▶ _WHAT THIS TASK INVOLVES_
Using the listing below, retype exactly the lines starting at the one with "#82=IFCINDEXEDPOLYGONALFACE((1,5,6,2));" and ending at the one with "END-ISO-10303-21;", and include both.

▶ _THE DATA_
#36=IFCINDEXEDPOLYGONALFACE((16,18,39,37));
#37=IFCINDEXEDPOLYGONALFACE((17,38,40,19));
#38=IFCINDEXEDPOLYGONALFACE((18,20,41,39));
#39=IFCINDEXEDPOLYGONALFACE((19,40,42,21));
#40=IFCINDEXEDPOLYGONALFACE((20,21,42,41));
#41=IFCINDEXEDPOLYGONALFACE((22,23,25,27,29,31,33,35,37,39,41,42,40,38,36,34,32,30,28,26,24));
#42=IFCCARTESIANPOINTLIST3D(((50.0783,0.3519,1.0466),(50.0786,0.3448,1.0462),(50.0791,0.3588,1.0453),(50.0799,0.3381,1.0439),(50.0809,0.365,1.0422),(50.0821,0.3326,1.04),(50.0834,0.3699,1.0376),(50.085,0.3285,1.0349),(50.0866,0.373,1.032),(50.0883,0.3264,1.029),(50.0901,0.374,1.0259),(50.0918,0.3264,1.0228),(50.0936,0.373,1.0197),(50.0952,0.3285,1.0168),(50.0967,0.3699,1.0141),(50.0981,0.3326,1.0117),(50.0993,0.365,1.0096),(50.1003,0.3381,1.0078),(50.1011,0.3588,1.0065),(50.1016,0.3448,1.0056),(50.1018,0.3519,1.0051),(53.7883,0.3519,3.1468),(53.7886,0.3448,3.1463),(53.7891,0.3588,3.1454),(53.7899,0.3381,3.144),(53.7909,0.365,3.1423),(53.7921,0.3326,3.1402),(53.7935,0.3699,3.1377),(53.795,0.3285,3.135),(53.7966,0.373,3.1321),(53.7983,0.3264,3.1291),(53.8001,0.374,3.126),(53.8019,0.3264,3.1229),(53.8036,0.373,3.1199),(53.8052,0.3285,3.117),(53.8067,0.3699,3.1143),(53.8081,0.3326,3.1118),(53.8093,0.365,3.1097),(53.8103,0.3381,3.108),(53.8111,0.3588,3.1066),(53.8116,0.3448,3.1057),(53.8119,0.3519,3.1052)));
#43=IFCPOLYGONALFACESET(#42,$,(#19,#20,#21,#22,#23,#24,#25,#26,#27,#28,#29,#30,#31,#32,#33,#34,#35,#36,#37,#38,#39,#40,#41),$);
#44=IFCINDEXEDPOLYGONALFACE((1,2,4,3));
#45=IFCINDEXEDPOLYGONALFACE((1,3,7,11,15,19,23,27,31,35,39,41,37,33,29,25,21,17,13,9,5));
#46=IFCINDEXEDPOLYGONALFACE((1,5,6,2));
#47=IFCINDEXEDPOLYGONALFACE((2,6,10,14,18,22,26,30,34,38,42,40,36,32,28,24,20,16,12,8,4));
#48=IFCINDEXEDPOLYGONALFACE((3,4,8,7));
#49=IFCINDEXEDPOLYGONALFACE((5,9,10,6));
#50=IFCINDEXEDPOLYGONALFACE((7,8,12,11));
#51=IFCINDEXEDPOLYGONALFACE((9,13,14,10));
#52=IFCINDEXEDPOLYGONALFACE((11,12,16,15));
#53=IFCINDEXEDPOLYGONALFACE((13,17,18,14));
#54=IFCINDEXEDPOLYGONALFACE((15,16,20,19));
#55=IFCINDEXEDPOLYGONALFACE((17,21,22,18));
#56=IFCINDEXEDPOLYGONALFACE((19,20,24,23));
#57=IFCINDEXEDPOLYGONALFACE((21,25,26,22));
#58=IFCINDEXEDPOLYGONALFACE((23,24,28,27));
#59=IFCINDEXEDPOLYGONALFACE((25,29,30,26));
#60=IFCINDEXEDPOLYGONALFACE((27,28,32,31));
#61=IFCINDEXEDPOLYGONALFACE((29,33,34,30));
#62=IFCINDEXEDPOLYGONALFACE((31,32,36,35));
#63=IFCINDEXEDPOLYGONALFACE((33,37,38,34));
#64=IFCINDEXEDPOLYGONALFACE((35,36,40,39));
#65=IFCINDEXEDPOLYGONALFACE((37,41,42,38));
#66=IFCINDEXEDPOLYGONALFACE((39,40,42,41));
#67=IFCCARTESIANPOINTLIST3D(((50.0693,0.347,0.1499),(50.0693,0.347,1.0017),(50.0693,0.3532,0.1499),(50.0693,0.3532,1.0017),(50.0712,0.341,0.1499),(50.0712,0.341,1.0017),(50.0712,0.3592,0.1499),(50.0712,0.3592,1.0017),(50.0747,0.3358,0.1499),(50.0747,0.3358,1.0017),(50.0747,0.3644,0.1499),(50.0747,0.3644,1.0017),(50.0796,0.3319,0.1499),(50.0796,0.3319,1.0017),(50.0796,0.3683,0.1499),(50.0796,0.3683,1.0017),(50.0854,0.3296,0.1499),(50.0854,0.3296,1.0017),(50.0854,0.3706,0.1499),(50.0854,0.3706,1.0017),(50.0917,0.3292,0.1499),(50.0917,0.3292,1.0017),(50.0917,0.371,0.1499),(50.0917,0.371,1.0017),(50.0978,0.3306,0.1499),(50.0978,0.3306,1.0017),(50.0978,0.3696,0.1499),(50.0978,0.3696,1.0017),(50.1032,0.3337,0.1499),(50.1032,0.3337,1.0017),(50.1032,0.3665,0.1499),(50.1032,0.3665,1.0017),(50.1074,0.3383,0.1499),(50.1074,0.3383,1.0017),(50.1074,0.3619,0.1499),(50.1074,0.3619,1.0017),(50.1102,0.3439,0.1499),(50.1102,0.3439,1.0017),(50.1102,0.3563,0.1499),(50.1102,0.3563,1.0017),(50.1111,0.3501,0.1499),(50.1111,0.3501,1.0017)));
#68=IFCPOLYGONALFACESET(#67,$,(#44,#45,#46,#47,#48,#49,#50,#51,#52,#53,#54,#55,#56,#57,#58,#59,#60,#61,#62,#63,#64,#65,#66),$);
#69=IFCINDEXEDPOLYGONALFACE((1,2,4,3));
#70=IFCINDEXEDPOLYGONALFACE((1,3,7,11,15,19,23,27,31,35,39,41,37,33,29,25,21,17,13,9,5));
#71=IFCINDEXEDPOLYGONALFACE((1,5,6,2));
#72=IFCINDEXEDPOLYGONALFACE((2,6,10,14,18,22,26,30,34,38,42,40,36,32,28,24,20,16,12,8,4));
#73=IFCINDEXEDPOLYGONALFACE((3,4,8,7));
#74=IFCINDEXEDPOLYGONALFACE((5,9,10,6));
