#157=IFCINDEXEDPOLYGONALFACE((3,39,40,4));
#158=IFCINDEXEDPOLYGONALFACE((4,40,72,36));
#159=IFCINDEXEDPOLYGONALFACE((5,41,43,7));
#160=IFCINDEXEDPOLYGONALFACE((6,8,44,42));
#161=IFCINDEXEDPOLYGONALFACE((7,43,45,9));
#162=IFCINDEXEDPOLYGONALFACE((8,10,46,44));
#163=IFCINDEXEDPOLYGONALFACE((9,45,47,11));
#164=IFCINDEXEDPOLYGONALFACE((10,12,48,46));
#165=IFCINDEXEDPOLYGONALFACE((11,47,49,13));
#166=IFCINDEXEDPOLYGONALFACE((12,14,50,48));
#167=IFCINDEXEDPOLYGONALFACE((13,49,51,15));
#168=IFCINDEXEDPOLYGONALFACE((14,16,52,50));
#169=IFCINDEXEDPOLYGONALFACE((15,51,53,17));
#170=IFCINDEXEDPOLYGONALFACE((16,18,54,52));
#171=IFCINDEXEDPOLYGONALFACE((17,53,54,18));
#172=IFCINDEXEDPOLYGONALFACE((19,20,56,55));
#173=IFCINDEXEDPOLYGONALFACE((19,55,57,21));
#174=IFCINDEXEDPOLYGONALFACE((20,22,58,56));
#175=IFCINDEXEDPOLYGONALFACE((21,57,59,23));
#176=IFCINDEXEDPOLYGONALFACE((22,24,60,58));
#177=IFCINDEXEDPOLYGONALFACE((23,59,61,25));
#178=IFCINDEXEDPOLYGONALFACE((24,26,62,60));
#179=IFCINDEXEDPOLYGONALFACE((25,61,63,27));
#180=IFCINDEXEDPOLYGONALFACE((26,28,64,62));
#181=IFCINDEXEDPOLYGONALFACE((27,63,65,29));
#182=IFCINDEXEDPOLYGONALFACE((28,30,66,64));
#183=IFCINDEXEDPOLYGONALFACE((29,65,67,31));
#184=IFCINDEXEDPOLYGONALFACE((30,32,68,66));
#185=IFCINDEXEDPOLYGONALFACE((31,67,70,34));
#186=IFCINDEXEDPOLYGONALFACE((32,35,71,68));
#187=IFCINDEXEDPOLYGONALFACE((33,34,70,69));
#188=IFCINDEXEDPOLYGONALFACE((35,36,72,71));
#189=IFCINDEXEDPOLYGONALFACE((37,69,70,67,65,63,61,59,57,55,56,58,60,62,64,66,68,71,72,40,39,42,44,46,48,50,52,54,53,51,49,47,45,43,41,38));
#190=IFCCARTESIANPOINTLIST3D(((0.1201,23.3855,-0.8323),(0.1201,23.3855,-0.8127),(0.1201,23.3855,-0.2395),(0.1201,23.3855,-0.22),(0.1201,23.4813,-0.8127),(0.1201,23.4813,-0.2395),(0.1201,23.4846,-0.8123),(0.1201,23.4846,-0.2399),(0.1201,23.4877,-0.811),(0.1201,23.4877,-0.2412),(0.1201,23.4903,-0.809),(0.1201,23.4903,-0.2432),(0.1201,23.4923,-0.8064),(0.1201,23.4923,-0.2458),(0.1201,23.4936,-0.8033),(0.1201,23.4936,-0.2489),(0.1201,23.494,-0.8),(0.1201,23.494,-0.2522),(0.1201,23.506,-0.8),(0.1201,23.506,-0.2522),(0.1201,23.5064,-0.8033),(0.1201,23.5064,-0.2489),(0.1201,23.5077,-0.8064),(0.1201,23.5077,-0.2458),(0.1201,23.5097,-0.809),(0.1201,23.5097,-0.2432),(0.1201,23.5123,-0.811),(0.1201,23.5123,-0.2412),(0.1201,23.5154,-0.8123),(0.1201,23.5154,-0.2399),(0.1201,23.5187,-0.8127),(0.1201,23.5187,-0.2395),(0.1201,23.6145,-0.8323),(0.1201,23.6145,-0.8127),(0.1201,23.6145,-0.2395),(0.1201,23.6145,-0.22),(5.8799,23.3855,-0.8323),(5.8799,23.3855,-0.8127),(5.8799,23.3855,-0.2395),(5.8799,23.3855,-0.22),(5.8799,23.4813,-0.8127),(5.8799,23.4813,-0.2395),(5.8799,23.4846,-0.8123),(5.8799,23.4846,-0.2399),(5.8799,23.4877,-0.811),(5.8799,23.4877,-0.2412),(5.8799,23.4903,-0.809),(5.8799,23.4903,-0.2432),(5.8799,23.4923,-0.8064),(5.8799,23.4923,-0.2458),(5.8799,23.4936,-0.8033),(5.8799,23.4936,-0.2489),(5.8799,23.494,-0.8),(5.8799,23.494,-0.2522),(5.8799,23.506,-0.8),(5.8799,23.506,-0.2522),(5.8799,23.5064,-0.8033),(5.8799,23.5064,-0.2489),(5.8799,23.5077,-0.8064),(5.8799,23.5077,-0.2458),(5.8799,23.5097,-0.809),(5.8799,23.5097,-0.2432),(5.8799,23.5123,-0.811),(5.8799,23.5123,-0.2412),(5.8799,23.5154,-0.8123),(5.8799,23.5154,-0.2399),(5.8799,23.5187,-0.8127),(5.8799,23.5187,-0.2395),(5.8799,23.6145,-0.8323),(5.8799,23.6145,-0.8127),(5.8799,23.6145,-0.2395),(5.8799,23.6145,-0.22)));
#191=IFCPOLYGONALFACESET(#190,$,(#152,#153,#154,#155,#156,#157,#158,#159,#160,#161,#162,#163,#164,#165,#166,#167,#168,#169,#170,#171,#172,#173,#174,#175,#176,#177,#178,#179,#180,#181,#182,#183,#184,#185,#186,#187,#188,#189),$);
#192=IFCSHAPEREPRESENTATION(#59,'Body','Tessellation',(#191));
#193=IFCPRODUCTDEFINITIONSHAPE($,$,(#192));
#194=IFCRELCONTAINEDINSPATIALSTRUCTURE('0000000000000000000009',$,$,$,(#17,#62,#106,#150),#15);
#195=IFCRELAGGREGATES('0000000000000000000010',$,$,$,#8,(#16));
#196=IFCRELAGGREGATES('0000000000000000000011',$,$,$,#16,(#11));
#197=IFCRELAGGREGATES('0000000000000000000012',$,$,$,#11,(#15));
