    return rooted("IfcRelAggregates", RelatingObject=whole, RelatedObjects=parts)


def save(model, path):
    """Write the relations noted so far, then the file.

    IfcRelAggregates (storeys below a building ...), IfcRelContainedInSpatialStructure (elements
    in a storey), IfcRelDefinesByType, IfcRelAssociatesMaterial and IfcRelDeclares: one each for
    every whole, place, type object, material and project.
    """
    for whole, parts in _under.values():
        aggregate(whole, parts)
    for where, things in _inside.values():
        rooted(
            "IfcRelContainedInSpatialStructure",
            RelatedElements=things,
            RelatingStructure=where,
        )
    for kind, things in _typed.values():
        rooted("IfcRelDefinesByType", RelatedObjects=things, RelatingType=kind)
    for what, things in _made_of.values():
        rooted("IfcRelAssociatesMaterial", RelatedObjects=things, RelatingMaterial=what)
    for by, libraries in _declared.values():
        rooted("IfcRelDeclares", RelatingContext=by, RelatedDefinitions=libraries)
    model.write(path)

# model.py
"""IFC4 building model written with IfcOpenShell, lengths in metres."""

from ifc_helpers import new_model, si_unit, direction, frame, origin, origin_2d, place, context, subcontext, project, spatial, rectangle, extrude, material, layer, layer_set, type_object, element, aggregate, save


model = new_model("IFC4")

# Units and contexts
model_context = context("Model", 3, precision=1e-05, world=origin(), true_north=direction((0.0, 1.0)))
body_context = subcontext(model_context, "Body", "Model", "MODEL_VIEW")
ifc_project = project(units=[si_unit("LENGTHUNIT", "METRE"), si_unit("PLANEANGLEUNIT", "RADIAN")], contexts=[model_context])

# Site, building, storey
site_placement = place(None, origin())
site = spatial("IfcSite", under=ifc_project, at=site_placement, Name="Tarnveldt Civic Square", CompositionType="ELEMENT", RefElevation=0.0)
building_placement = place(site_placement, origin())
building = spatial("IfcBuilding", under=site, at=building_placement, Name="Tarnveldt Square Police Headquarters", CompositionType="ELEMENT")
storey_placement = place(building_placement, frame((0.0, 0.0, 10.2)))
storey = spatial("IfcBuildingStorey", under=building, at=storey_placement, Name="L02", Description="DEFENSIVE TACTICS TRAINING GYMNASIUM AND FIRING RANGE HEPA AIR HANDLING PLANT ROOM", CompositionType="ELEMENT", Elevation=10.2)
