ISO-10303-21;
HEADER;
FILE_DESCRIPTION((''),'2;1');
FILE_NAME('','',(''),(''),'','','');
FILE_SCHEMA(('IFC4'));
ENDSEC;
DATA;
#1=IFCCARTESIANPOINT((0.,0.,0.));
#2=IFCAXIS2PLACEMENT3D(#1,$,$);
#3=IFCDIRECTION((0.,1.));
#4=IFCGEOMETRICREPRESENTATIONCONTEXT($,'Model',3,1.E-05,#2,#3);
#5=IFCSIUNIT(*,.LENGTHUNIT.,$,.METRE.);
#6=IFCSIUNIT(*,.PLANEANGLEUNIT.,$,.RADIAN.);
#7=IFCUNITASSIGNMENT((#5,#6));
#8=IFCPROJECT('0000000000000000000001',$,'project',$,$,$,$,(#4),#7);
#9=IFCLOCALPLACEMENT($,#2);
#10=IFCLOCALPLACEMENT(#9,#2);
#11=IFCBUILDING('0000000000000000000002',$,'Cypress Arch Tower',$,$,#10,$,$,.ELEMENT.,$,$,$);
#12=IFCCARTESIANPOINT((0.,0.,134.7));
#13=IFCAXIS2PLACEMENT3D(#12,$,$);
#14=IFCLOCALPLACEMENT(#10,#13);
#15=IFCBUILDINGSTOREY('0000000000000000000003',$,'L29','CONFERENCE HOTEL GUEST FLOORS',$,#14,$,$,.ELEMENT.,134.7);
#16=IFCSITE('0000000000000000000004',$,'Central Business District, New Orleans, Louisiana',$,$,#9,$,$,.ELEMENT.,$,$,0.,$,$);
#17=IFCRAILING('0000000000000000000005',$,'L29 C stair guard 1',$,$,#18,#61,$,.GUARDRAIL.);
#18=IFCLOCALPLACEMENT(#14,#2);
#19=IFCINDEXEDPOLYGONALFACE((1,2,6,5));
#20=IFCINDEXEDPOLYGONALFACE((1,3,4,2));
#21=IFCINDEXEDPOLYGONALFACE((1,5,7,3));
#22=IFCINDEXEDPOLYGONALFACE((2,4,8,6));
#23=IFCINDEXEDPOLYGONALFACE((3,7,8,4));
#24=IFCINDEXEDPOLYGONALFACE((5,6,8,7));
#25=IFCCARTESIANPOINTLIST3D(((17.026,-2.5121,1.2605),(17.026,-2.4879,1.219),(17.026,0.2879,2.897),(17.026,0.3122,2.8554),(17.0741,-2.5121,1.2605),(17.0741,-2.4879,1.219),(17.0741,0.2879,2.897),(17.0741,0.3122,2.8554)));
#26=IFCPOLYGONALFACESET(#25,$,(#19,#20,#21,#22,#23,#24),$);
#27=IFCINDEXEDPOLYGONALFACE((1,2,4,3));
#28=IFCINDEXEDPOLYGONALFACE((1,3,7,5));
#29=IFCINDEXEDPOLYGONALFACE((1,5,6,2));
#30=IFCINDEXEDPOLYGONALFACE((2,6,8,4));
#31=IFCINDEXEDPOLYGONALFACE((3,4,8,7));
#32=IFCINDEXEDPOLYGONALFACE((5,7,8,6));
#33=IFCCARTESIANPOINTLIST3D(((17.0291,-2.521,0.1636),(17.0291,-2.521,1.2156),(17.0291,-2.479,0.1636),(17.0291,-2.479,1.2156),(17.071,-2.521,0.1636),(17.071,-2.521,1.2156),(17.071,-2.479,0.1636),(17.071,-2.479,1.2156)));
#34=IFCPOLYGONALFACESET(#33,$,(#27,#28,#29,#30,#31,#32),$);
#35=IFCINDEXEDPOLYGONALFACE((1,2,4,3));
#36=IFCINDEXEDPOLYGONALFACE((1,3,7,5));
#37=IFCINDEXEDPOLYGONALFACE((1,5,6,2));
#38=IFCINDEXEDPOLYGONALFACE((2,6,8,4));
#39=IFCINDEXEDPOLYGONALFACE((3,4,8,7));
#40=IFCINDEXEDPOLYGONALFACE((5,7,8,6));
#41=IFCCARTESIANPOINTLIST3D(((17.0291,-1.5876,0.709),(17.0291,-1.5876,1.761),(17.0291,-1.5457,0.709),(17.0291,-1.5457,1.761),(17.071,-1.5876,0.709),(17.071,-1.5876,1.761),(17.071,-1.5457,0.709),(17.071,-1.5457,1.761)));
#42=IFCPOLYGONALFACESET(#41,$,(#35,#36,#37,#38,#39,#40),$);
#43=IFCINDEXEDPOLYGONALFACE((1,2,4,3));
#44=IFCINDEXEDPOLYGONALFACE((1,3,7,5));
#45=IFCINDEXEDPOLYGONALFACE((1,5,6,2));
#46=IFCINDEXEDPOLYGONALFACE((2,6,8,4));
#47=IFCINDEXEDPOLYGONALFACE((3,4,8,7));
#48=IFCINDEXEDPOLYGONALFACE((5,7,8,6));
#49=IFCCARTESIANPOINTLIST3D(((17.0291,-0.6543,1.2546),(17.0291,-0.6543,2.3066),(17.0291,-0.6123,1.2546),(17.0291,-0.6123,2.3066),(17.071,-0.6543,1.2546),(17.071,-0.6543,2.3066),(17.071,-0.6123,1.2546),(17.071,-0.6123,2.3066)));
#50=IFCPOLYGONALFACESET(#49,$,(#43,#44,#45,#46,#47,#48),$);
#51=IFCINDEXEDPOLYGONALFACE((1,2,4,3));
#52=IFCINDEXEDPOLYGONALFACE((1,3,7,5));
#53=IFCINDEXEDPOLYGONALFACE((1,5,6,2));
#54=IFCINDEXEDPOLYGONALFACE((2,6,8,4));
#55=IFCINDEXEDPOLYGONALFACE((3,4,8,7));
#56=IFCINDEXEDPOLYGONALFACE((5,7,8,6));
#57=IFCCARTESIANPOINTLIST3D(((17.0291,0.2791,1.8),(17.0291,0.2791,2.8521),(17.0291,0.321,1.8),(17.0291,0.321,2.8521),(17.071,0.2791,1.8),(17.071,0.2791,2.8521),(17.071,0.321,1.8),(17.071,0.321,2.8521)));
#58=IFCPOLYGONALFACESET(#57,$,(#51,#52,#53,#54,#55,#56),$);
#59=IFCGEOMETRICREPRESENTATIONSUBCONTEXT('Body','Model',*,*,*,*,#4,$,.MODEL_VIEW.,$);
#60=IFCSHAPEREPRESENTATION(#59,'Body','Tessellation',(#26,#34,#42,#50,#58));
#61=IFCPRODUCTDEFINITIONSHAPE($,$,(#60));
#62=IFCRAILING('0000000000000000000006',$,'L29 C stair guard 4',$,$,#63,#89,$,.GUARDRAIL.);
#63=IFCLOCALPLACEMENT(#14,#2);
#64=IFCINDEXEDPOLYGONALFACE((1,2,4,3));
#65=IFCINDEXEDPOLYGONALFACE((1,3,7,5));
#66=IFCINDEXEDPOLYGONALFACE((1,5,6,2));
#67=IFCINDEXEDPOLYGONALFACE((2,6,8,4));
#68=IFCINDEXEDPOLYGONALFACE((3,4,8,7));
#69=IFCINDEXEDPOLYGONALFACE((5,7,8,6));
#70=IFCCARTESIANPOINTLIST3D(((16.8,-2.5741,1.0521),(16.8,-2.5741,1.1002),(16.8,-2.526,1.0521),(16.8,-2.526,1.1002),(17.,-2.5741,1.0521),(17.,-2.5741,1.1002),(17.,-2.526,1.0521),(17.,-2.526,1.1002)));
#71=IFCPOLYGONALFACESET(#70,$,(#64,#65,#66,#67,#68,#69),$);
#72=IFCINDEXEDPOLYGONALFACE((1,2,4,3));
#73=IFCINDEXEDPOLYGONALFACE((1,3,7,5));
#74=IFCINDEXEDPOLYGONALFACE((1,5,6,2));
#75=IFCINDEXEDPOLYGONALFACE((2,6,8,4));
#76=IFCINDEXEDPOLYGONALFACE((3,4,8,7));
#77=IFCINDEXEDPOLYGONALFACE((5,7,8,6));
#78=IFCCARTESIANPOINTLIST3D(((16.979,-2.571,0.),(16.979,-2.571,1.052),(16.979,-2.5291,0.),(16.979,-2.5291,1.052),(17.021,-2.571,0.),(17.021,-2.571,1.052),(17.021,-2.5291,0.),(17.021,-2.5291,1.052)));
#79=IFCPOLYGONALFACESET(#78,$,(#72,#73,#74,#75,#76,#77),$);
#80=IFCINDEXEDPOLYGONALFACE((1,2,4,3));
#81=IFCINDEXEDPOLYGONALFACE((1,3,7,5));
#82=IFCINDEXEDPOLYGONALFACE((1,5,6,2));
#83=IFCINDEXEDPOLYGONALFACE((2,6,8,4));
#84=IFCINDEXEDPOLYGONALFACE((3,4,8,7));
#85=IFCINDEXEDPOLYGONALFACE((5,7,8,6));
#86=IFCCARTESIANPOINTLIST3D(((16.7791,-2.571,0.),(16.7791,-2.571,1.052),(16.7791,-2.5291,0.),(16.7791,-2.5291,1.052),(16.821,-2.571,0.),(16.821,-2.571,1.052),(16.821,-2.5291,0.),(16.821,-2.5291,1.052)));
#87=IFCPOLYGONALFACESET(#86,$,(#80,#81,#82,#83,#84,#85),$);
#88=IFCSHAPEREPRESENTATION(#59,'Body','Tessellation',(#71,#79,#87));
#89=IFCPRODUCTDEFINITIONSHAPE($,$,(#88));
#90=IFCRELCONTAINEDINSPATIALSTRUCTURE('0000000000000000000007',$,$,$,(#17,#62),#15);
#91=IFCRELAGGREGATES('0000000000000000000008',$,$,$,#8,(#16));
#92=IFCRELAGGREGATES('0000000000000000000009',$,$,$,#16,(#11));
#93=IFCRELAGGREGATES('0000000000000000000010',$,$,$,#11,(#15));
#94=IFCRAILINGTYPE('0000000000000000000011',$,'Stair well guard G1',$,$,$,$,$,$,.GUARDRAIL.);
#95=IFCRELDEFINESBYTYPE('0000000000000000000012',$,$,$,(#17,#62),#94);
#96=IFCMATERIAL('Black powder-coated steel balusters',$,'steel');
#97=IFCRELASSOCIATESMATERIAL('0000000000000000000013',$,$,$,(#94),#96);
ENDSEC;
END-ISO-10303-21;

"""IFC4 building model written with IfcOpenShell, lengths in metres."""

from ifc_helpers import new_model, si_unit, direction, frame, origin, origin_2d, place, context, subcontext, project, spatial, rectangle, extrude, material, type_object, element, save


model = new_model("IFC4")

# Units and contexts
model_context = context("Model", 3, precision=1e-05, world=origin(), true_north=direction((0.0, 1.0)))
body_context = subcontext(model_context, "Body", "Model", "MODEL_VIEW")
ifc_project = project(units=[si_unit("LENGTHUNIT", "METRE"), si_unit("PLANEANGLEUNIT", "RADIAN")], contexts=[model_context])

# Site, building, storey
site_placement = place(None, origin())
site = spatial("IfcSite", under=ifc_project, at=site_placement, Name="Central Business District, New Orleans, Louisiana", CompositionType="ELEMENT", RefElevation=0.0)
building_placement = place(site_placement, origin())
building = spatial("IfcBuilding", under=site, at=building_placement, Name="Cypress Arch Tower", CompositionType="ELEMENT")
storey_placement = place(building_placement, frame((0.0, 0.0, 134.7)))
storey = spatial("IfcBuildingStorey", under=building, at=storey_placement, Name="L29", Description="CONFERENCE HOTEL GUEST FLOORS", CompositionType="ELEMENT", Elevation=134.7)

# Railings
ifc_material_1 = material(Name="Black powder-coated steel balusters", Category="steel")
railing_type_1 = type_object("IfcRailingType", Name="Stair well guard G1", PredefinedType="GUARDRAIL", material=ifc_material_1)
railing_1_placement = place(storey_placement, frame((17.05, -2.5, 0.1636)))
element("IfcRailing", 1, at=railing_1_placement, inside=storey, type_object=railing_type_1, Name="L29 C stair guard 1", PredefinedType="GUARDRAIL", context=body_context, shape_type="SweptSolid", body=[
    extrude(rectangle(XDim=0.0481, YDim=0.0481, at=origin_2d()), frame((0.0, 0.0, 1.0762), z_axis=(0.0, 0.863361, 0.504587), x_axis=(-1.0, 0.0, 0.0)), (0.0, 0.0, 1.0), 3.2432),
    extrude(rectangle(XDim=0.042, YDim=0.042, at=origin_2d()), origin(), (0.0, 0.0, 1.0), 1.052),
    extrude(rectangle(XDim=0.042, YDim=0.042, at=origin_2d()), frame((0.0, 0.9333, 0.5454)), (0.0, 0.0, 1.0), 1.052),
    extrude(rectangle(XDim=0.042, YDim=0.042, at=origin_2d()), frame((0.0, 1.8667, 1.0911)), (0.0, 0.0, 1.0), 1.052),
    extrude(rectangle(XDim=0.042, YDim=0.042, at=origin_2d()), frame((0.0, 2.8, 1.6365)), (0.0, 0.0, 1.0), 1.052),
])
railing_2_placement = place(storey_placement, frame((17.0, -2.55, 0.0)))
element("IfcRailing", 2, at=railing_2_placement, inside=storey, type_object=railing_type_1, Name="L29 C stair guard 4", PredefinedType="GUARDRAIL", context=body_context, shape_type="SweptSolid", body=[
    extrude(rectangle(XDim=0.0481, YDim=0.0481, at=origin_2d()), frame((0.0, 0.0, 1.0762), z_axis=(-1.0, 0.0, 0.0), x_axis=(0.0, -1.0, 0.0)), (0.0, 0.0, 1.0), 0.2),
    extrude(rectangle(XDim=0.042, YDim=0.042, at=origin_2d()), origin(), (0.0, 0.0, 1.0), 1.052),
    extrude(rectangle(XDim=0.042, YDim=0.042, at=origin_2d()), frame((-0.2, 0.0, 0.0)), (0.0, 0.0, 1.0), 1.052),
])

save(model, "model.ifc")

▶ _ANSWER TO THIS EXERCISE_
#82=IFCINDEXEDPOLYGONALFACE((1,5,6,2));
#83=IFCINDEXEDPOLYGONALFACE((2,6,8,4));
#84=IFCINDEXEDPOLYGONALFACE((3,4,8,7));
#85=IFCINDEXEDPOLYGONALFACE((5,7,8,6));
#86=IFCCARTESIANPOINTLIST3D(((16.7791,-2.571,0.),(16.7791,-2.571,1.052),(16.7791,-2.5291,0.),(16.7791,-2.5291,1.052),(16.821,-2.571,0.),(16.821,-2.571,1.052),(16.821,-2.5291,0.),(16.821,-2.5291,1.052)));
#87=IFCPOLYGONALFACESET(#86,$,(#80,#81,#82,#83,#84,#85),$);
#88=IFCSHAPEREPRESENTATION(#59,'Body','Tessellation',(#71,#79,#87));
#89=IFCPRODUCTDEFINITIONSHAPE($,$,(#88));
#90=IFCRELCONTAINEDINSPATIALSTRUCTURE('0000000000000000000007',$,$,$,(#17,#62),#15);
#91=IFCRELAGGREGATES('0000000000000000000008',$,$,$,#8,(#16));
#92=IFCRELAGGREGATES('0000000000000000000009',$,$,$,#16,(#11));
#93=IFCRELAGGREGATES('0000000000000000000010',$,$,$,#11,(#15));
#94=IFCRAILINGTYPE('0000000000000000000011',$,'Stair well guard G1',$,$,$,$,$,$,.GUARDRAIL.);
#95=IFCRELDEFINESBYTYPE('0000000000000000000012',$,$,$,(#17,#62),#94);
#96=IFCMATERIAL('Black powder-coated steel balusters',$,'steel');
#97=IFCRELASSOCIATESMATERIAL('0000000000000000000013',$,$,$,(#94),#96);
ENDSEC;
END-ISO-10303-21;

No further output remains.